■ **Assignment**
Starting with the line that contains "#72=IFCINDEXEDPOLYGONALFACE((5,9,10,6));" and stopping after the line that contains "#78=IFCINDEXEDPOLYGONALFACE((17,21,22,18));", return each line below exactly as written, with no others.

Segment Open

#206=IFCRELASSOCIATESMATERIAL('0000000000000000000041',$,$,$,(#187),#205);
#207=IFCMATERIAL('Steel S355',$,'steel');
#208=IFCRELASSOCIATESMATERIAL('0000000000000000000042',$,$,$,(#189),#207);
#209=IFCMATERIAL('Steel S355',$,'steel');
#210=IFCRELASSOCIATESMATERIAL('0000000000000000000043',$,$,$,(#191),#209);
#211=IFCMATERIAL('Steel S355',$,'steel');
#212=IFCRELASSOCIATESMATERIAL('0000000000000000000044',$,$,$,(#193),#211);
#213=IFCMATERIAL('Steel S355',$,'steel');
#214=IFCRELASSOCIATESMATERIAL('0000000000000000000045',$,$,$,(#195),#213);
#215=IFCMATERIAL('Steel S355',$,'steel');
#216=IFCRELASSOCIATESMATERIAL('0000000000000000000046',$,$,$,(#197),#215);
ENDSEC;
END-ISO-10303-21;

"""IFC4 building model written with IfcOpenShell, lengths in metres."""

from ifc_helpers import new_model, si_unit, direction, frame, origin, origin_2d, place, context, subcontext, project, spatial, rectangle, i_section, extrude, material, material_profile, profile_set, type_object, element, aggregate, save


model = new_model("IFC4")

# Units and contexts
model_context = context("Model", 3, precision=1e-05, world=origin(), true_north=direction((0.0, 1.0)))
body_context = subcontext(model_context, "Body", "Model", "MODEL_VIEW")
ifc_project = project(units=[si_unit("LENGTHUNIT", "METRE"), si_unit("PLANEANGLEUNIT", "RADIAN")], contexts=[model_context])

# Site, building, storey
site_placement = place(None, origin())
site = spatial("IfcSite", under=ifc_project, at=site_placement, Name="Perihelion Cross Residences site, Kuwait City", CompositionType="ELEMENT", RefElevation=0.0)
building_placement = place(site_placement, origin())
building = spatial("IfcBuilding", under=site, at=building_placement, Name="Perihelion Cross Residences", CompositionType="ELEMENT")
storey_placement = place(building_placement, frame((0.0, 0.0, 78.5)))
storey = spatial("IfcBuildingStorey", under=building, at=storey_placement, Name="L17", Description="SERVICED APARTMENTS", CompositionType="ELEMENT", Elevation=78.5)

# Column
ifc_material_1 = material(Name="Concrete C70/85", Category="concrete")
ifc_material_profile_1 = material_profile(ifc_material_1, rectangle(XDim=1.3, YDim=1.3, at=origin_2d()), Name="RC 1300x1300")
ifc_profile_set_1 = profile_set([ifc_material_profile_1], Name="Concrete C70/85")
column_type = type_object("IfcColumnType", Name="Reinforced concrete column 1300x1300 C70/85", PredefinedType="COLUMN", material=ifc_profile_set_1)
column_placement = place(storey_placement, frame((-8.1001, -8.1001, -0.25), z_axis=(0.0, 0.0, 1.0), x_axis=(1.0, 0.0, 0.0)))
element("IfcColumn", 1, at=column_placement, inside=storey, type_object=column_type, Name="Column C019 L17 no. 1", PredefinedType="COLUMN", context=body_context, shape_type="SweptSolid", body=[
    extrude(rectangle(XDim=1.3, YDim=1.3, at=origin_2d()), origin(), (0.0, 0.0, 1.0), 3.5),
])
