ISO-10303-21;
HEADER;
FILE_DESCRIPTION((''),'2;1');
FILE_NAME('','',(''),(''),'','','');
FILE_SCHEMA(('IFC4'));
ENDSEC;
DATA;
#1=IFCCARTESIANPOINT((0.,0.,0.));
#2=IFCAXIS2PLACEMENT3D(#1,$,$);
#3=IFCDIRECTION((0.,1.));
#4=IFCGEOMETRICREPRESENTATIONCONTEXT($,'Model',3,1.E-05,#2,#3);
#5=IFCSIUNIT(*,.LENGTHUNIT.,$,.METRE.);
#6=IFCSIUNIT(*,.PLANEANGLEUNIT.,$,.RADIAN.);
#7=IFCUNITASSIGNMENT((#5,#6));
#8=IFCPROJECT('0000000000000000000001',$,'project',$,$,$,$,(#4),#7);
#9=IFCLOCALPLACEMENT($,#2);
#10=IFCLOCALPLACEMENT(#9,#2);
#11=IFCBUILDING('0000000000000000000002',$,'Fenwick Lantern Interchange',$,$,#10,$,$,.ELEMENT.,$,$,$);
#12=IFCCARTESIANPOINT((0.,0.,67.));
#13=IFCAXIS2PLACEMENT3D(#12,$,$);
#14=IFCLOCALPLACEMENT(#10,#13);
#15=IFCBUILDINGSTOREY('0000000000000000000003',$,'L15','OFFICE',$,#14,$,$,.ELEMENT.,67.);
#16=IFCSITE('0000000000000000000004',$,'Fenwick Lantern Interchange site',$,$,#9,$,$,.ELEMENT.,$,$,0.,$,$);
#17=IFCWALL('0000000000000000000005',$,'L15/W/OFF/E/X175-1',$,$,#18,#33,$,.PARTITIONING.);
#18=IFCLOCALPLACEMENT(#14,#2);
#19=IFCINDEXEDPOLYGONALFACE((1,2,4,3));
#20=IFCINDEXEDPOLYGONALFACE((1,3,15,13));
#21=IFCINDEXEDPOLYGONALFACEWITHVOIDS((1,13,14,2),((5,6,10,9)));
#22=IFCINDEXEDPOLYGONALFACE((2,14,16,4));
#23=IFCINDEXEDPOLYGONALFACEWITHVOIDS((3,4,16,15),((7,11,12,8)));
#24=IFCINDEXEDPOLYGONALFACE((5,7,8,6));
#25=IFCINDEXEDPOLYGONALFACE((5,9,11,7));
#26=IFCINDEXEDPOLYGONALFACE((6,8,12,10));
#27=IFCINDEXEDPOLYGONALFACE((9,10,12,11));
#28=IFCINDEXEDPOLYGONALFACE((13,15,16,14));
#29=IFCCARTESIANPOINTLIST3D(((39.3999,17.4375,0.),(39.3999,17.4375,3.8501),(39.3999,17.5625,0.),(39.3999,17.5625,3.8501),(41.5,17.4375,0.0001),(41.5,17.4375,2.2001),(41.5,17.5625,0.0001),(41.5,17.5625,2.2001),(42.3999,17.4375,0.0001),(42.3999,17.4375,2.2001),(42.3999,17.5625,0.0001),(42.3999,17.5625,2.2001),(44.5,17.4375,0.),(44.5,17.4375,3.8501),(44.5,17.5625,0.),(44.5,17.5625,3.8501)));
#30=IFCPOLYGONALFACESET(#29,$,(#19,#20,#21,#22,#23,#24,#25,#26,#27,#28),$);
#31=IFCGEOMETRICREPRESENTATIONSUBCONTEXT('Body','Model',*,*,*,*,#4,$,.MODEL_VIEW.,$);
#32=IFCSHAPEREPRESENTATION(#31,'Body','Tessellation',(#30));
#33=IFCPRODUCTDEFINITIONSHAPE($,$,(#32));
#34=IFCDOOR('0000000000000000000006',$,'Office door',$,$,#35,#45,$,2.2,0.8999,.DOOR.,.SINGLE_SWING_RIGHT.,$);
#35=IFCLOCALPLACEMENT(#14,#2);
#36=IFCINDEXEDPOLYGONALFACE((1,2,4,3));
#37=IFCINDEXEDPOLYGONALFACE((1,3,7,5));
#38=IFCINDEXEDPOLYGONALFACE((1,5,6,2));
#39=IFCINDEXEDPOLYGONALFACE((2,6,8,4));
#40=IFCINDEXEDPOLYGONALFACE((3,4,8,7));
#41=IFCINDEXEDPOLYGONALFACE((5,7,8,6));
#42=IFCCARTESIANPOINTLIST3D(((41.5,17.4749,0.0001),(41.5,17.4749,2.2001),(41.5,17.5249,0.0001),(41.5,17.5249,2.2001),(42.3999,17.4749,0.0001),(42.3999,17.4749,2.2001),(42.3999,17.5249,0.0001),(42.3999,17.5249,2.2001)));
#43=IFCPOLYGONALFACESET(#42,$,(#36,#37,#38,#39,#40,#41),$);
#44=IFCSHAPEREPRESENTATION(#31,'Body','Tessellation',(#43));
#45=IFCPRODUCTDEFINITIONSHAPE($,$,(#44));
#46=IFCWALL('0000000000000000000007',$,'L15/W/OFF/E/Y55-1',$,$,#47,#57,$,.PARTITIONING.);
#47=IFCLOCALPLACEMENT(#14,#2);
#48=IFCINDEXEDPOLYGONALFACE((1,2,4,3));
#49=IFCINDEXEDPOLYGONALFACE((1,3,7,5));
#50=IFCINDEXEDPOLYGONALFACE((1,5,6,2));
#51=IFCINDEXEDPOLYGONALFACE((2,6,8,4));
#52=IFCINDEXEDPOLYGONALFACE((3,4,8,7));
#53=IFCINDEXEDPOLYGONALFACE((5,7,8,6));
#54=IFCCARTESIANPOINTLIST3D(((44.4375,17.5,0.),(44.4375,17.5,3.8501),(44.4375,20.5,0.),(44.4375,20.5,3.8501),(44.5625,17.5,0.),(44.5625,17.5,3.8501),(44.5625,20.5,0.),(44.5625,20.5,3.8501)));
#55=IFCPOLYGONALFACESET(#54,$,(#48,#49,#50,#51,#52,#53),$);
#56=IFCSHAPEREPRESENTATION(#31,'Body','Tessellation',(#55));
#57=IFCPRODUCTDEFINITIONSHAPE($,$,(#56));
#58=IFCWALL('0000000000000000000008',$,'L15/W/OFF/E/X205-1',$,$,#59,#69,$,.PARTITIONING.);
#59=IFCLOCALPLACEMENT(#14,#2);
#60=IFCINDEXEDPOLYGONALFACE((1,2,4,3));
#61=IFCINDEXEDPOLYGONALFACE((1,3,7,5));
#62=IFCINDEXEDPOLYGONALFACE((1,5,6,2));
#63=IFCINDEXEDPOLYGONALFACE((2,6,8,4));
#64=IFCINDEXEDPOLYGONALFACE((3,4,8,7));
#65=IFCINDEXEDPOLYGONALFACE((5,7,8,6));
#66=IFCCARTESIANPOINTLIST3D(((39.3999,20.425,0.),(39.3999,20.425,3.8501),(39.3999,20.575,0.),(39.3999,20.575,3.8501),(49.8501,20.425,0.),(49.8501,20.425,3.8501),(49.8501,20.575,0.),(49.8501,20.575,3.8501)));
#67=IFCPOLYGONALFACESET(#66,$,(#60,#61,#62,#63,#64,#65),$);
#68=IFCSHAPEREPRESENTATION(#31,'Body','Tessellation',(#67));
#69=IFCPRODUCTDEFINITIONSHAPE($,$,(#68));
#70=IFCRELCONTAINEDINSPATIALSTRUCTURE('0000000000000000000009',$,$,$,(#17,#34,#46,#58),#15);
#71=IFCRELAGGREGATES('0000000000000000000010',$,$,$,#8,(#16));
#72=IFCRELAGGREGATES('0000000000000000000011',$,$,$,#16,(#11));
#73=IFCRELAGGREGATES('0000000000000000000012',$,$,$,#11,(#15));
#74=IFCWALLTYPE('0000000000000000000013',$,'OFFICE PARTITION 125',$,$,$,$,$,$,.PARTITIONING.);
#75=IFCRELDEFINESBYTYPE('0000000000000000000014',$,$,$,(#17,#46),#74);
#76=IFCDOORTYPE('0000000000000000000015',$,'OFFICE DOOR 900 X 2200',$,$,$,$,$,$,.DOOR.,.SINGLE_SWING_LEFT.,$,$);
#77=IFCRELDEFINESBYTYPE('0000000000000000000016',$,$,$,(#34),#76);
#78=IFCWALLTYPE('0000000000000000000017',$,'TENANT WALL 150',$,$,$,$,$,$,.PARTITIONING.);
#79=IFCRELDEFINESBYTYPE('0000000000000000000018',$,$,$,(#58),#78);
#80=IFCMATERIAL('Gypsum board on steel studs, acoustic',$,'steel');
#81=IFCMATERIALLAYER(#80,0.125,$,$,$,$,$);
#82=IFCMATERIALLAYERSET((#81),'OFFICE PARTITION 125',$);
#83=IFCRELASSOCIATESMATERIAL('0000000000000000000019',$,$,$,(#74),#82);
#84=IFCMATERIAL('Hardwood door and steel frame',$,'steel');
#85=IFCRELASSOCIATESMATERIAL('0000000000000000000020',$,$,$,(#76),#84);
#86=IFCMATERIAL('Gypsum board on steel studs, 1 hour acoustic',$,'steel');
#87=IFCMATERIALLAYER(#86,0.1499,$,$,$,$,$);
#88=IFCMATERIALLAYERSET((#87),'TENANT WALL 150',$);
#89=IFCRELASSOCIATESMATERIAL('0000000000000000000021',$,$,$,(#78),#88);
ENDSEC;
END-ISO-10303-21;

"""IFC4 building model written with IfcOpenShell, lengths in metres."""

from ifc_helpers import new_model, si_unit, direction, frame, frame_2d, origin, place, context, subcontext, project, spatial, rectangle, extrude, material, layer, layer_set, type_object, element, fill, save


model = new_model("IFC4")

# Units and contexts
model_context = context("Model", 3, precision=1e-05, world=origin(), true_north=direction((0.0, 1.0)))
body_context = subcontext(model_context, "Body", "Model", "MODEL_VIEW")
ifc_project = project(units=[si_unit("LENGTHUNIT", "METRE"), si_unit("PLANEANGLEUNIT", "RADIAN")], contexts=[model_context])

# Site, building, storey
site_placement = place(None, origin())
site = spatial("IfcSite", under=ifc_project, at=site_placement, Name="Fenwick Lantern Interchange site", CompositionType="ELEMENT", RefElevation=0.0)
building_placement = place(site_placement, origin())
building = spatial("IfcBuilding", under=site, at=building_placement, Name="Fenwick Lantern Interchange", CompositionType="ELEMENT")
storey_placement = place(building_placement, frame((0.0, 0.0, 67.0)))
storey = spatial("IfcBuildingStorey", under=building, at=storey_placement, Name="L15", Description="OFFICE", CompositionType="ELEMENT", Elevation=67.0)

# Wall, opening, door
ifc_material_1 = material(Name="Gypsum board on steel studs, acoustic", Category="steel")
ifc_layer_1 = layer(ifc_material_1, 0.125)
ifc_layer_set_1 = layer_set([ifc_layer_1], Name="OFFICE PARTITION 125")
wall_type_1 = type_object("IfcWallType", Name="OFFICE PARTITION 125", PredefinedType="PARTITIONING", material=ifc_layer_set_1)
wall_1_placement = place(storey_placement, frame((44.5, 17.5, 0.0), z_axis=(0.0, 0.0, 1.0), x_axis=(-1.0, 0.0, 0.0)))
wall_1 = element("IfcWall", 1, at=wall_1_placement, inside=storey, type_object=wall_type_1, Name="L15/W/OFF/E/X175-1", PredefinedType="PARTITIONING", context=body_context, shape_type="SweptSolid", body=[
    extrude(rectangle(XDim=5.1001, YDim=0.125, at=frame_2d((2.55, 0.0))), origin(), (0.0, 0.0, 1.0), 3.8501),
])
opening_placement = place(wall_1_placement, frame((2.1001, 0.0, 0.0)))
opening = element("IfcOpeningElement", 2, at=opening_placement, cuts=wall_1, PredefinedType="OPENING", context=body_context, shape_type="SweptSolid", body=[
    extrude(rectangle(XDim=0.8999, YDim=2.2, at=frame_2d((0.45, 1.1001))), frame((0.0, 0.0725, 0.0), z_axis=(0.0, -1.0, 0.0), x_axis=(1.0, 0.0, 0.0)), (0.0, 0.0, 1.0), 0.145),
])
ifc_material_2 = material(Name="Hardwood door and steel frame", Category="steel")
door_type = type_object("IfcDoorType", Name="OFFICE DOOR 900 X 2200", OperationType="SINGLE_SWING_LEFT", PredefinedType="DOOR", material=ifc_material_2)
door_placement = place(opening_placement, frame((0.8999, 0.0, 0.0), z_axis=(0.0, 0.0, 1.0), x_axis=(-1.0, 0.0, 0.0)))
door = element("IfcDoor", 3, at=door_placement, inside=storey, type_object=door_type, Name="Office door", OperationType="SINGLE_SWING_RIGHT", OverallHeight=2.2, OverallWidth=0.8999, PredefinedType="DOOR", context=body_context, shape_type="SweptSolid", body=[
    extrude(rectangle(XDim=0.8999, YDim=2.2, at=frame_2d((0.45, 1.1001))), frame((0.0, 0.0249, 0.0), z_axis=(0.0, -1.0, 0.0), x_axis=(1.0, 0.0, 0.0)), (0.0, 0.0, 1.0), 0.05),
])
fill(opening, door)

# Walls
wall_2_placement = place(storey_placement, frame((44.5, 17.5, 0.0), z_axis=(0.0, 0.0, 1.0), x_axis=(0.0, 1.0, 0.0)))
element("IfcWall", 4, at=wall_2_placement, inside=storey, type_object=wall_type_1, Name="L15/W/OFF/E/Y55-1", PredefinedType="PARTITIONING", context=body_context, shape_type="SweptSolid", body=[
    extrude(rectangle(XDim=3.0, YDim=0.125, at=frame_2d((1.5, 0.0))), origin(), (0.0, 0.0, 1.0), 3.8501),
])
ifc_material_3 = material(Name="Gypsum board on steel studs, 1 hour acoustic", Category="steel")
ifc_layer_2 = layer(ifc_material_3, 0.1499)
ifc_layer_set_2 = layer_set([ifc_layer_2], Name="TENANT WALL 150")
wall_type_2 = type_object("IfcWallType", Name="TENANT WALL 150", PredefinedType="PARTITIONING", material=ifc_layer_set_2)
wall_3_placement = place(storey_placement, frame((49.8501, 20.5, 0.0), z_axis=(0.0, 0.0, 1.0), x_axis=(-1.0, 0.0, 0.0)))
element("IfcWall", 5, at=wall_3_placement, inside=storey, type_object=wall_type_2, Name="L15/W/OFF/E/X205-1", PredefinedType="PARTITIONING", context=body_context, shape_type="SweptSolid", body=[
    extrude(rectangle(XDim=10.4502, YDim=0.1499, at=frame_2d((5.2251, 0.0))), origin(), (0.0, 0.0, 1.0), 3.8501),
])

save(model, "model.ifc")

Segment Closed
Segment Open

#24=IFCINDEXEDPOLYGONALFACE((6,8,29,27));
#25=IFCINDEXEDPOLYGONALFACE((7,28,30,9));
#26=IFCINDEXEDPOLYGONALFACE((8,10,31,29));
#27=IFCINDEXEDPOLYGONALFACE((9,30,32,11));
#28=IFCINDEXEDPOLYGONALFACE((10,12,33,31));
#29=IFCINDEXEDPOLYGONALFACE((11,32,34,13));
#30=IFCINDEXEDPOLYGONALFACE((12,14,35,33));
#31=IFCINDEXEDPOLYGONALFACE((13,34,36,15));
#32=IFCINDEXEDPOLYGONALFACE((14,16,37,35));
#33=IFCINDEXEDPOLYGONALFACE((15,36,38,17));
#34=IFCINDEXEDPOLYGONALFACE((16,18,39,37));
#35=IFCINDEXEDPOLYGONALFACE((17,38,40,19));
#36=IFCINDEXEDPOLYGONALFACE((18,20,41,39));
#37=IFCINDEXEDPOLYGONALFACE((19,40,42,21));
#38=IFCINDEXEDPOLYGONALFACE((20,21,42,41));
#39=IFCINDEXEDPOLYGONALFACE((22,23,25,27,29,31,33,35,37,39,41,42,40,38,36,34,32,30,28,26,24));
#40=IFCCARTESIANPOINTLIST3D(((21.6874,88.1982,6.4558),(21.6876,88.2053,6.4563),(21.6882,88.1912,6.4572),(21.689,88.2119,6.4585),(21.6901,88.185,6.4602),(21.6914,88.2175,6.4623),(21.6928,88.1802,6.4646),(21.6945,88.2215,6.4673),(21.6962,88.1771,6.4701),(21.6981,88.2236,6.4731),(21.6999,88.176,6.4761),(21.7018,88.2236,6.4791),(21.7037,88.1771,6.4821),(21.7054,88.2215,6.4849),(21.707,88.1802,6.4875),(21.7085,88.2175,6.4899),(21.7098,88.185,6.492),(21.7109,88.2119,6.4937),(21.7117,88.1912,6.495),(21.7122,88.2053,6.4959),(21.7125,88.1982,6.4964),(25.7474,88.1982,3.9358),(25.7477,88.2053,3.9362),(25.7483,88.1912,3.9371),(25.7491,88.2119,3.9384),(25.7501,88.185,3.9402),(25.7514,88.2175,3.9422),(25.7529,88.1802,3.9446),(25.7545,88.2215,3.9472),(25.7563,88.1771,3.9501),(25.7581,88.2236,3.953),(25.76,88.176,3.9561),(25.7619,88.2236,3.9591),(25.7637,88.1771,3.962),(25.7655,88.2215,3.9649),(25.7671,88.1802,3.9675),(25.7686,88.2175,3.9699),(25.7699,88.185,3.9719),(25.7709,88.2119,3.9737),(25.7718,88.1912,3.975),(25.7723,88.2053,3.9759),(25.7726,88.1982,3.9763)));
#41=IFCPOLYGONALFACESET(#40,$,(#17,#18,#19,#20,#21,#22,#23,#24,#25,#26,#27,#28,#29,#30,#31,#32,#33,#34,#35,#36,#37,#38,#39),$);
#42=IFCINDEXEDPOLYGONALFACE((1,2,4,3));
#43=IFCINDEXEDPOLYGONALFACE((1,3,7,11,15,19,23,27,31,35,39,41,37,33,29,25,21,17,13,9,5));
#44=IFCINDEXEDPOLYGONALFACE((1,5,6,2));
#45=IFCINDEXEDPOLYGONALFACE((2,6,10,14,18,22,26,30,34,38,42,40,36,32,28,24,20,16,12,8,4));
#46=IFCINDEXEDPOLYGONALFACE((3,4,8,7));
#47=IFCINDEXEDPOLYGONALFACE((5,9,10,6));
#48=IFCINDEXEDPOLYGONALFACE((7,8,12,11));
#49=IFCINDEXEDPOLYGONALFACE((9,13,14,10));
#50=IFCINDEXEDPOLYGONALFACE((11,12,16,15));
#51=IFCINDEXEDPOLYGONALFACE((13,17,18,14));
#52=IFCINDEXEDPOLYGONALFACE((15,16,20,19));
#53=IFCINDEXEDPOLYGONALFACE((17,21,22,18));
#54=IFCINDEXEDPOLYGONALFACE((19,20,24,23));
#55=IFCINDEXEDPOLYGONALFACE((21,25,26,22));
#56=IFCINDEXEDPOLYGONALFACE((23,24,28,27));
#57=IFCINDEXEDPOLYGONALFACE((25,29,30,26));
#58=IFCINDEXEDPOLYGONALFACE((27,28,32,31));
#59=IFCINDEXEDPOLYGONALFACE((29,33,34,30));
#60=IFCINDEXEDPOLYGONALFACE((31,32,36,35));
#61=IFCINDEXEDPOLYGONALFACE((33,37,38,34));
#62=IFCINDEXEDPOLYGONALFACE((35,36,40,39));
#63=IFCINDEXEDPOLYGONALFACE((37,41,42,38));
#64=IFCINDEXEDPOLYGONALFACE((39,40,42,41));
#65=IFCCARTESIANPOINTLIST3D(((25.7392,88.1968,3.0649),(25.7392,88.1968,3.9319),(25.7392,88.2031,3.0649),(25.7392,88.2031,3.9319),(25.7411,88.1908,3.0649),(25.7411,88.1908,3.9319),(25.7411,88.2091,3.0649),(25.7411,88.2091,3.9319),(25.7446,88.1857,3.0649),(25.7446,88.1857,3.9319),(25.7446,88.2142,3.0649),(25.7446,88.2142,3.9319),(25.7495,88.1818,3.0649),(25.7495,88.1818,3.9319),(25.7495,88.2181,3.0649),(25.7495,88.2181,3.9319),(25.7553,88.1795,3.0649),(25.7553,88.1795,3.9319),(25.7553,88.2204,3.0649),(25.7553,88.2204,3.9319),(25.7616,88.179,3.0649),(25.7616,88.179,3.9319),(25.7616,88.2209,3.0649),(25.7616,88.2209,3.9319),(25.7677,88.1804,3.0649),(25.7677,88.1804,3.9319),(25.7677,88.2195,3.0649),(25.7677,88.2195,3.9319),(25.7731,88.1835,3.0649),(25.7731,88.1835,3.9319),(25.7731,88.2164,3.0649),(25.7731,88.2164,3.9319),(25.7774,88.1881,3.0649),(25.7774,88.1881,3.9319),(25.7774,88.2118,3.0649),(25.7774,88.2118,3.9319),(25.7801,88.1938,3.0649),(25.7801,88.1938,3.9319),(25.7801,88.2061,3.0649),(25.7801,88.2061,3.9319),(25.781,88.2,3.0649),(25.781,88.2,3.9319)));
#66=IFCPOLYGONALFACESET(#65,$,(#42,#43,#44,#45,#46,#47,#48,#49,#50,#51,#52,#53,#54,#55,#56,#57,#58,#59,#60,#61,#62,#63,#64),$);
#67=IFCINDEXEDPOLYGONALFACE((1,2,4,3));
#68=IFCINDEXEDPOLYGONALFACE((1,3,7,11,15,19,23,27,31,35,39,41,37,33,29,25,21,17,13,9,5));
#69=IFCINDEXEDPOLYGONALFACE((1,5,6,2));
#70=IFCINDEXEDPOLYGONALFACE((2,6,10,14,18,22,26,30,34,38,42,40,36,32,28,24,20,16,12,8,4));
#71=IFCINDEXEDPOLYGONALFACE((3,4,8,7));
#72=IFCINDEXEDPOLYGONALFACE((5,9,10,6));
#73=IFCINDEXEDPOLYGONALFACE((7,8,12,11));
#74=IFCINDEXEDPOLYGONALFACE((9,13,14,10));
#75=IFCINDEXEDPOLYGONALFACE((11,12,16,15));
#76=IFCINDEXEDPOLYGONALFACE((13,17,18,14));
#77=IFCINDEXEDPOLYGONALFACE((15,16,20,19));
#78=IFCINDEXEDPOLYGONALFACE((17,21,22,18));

Segment Closed

■ **Exercise response**
#72=IFCINDEXEDPOLYGONALFACE((5,9,10,6));
#73=IFCINDEXEDPOLYGONALFACE((7,8,12,11));
#74=IFCINDEXEDPOLYGONALFACE((9,13,14,10));
#75=IFCINDEXEDPOLYGONALFACE((11,12,16,15));
#76=IFCINDEXEDPOLYGONALFACE((13,17,18,14));
#77=IFCINDEXEDPOLYGONALFACE((15,16,20,19));
#78=IFCINDEXEDPOLYGONALFACE((17,21,22,18));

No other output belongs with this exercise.